[Records from a dataset]
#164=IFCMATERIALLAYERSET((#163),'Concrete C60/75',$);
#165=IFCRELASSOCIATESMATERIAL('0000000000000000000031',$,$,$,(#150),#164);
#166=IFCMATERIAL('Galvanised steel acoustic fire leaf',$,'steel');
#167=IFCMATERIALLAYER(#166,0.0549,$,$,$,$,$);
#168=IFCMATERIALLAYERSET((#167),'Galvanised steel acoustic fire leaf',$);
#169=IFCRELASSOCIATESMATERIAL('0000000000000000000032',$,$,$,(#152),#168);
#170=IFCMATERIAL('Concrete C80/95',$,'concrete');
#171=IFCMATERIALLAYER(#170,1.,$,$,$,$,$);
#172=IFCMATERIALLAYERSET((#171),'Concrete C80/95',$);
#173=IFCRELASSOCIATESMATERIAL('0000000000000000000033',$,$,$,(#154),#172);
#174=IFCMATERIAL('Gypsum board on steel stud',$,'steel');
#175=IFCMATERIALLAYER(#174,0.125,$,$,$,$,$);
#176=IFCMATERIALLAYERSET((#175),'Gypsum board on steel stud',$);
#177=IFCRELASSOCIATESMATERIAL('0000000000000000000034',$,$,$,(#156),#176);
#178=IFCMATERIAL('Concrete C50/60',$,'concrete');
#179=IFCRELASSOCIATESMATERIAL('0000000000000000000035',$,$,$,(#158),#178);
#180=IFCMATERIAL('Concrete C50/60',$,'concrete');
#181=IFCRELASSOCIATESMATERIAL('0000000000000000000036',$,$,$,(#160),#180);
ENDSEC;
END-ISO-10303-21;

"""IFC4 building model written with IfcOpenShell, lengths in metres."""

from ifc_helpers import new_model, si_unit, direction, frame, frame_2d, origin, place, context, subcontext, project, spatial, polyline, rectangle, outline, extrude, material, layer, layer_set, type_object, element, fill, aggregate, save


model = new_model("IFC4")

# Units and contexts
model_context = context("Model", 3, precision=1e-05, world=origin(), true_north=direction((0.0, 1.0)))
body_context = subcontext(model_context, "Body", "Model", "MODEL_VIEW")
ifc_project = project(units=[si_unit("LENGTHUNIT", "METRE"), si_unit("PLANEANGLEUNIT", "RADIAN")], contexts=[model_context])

### [WORK INSTRUCTION]
Transcribe all of the records above without altering anything.

### [WRITTEN RESPONSE]
#164=IFCMATERIALLAYERSET((#163),'Concrete C60/75',$);
#165=IFCRELASSOCIATESMATERIAL('0000000000000000000031',$,$,$,(#150),#164);
#166=IFCMATERIAL('Galvanised steel acoustic fire leaf',$,'steel');
#167=IFCMATERIALLAYER(#166,0.0549,$,$,$,$,$);
#168=IFCMATERIALLAYERSET((#167),'Galvanised steel acoustic fire leaf',$);
#169=IFCRELASSOCIATESMATERIAL('0000000000000000000032',$,$,$,(#152),#168);
#170=IFCMATERIAL('Concrete C80/95',$,'concrete');
#171=IFCMATERIALLAYER(#170,1.,$,$,$,$,$);
#172=IFCMATERIALLAYERSET((#171),'Concrete C80/95',$);
#173=IFCRELASSOCIATESMATERIAL('0000000000000000000033',$,$,$,(#154),#172);
#174=IFCMATERIAL('Gypsum board on steel stud',$,'steel');
#175=IFCMATERIALLAYER(#174,0.125,$,$,$,$,$);
#176=IFCMATERIALLAYERSET((#175),'Gypsum board on steel stud',$);
#177=IFCRELASSOCIATESMATERIAL('0000000000000000000034',$,$,$,(#156),#176);
#178=IFCMATERIAL('Concrete C50/60',$,'concrete');
#179=IFCRELASSOCIATESMATERIAL('0000000000000000000035',$,$,$,(#158),#178);
#180=IFCMATERIAL('Concrete C50/60',$,'concrete');
#181=IFCRELASSOCIATESMATERIAL('0000000000000000000036',$,$,$,(#160),#180);
ENDSEC;
END-ISO-10303-21;

"""IFC4 building model written with IfcOpenShell, lengths in metres."""

from ifc_helpers import new_model, si_unit, direction, frame, frame_2d, origin, place, context, subcontext, project, spatial, polyline, rectangle, outline, extrude, material, layer, layer_set, type_object, element, fill, aggregate, save


model = new_model("IFC4")

# Units and contexts
model_context = context("Model", 3, precision=1e-05, world=origin(), true_north=direction((0.0, 1.0)))
body_context = subcontext(model_context, "Body", "Model", "MODEL_VIEW")
ifc_project = project(units=[si_unit("LENGTHUNIT", "METRE"), si_unit("PLANEANGLEUNIT", "RADIAN")], contexts=[model_context])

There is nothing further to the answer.